* [AVAILABLE DATA]
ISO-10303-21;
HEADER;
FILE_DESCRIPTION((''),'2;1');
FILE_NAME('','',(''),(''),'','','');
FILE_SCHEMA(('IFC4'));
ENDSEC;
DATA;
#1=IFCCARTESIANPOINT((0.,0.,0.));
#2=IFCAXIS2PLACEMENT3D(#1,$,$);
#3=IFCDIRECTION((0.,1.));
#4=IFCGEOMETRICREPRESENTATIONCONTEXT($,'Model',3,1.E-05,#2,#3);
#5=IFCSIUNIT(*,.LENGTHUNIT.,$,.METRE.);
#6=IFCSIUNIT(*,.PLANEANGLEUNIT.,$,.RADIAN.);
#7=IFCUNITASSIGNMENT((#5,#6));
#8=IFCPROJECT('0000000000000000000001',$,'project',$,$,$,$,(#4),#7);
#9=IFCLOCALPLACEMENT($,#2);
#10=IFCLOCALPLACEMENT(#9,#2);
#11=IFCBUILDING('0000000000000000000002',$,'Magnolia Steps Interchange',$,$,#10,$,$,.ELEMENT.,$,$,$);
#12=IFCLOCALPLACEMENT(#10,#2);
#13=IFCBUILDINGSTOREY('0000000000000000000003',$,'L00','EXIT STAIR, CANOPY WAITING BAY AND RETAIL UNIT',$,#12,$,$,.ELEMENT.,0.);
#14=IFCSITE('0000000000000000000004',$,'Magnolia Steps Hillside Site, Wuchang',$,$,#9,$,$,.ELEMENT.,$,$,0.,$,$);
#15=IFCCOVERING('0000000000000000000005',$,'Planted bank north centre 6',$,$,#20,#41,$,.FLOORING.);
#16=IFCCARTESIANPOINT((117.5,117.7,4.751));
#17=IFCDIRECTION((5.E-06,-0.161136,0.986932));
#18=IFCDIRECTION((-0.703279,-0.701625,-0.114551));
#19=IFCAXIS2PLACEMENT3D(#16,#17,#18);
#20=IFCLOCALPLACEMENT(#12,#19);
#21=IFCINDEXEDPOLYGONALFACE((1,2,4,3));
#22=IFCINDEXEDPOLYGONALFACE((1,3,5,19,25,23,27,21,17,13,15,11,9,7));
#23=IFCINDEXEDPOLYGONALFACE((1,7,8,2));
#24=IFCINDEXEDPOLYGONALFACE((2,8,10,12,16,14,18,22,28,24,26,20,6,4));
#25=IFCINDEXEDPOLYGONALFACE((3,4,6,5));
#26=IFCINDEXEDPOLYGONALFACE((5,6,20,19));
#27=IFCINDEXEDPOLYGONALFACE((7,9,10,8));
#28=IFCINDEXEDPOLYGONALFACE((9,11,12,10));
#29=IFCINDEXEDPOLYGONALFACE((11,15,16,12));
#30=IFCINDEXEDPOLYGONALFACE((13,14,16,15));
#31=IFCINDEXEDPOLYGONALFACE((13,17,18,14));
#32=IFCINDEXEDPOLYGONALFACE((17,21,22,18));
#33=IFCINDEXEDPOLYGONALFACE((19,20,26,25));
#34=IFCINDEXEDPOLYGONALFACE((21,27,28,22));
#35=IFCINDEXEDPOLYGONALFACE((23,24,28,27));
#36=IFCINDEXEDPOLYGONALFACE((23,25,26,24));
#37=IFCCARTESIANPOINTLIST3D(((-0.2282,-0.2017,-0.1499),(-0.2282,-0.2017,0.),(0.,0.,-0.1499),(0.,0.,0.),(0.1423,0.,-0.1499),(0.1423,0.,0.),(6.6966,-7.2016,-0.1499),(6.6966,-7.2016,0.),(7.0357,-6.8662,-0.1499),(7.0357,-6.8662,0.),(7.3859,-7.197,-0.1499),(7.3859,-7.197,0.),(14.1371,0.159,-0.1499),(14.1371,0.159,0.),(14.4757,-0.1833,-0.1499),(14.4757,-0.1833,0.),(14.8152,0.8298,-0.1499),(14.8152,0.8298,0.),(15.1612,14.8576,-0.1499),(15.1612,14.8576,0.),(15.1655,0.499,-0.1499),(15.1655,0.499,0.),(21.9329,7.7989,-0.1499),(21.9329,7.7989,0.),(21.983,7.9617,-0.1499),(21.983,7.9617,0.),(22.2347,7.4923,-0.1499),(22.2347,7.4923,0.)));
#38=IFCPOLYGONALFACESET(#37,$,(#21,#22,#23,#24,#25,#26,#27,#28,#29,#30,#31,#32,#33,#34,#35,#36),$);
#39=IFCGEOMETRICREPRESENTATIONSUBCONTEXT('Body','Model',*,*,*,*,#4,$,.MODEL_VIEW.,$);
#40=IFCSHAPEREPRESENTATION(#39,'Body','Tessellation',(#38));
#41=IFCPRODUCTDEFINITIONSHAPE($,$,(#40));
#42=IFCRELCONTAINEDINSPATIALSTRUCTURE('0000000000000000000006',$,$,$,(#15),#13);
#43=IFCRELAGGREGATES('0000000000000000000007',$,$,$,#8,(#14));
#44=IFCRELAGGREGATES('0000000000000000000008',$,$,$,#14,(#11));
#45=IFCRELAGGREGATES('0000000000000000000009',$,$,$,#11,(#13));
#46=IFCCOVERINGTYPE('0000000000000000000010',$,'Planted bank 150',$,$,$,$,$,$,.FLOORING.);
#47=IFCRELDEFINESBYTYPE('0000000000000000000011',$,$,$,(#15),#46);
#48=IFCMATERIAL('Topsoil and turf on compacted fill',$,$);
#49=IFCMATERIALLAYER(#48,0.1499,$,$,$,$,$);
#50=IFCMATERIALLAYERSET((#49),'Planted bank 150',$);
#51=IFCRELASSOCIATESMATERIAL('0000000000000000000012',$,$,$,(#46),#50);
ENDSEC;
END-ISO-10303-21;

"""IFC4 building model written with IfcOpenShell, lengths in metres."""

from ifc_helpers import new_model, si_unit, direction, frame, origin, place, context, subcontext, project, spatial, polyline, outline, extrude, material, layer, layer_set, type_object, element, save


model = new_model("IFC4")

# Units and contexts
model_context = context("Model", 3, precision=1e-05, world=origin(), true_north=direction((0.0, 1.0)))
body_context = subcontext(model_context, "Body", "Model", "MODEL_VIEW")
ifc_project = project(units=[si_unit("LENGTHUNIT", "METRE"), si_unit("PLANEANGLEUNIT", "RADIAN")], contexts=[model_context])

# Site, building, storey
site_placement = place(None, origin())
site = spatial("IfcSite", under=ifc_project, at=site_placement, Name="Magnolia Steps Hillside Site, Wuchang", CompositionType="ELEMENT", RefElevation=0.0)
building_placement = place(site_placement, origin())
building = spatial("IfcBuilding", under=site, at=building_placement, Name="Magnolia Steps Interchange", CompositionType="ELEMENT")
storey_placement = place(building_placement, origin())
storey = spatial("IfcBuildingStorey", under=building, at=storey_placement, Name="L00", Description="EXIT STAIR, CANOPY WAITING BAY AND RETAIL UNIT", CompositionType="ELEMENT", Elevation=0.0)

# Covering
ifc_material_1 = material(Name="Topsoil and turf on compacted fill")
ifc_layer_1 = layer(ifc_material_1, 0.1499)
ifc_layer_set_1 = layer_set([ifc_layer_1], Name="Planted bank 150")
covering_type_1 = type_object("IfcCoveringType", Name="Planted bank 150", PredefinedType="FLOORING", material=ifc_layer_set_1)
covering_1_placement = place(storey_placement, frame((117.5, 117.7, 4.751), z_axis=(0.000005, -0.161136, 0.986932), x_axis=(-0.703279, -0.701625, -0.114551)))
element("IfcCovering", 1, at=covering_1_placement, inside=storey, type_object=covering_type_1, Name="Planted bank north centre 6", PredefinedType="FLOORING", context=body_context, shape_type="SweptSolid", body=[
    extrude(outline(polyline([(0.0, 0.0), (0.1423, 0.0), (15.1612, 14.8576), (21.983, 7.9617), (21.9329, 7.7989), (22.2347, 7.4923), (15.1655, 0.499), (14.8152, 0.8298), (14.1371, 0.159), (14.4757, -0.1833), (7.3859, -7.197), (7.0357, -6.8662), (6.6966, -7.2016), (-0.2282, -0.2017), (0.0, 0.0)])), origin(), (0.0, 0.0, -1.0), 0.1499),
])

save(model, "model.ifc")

* [INSTRUCTIONS FOR THE TASK]
Above this instruction are the records; retype exactly the lines from the one containing "#2=IFCAXIS2PLACEMENT3D(#1,$,$);" up to and including the one containing "AND RETAIL UNIT',$,#12,$,$,.ELEMENT.,0.);".

* [TASK OUTPUT]
#2=IFCAXIS2PLACEMENT3D(#1,$,$);
#3=IFCDIRECTION((0.,1.));
#4=IFCGEOMETRICREPRESENTATIONCONTEXT($,'Model',3,1.E-05,#2,#3);
#5=IFCSIUNIT(*,.LENGTHUNIT.,$,.METRE.);
#6=IFCSIUNIT(*,.PLANEANGLEUNIT.,$,.RADIAN.);
#7=IFCUNITASSIGNMENT((#5,#6));
#8=IFCPROJECT('0000000000000000000001',$,'project',$,$,$,$,(#4),#7);
#9=IFCLOCALPLACEMENT($,#2);
#10=IFCLOCALPLACEMENT(#9,#2);
#11=IFCBUILDING('0000000000000000000002',$,'Magnolia Steps Interchange',$,$,#10,$,$,.ELEMENT.,$,$,$);
#12=IFCLOCALPLACEMENT(#10,#2);
#13=IFCBUILDINGSTOREY('0000000000000000000003',$,'L00','EXIT STAIR, CANOPY WAITING BAY AND RETAIL UNIT',$,#12,$,$,.ELEMENT.,0.);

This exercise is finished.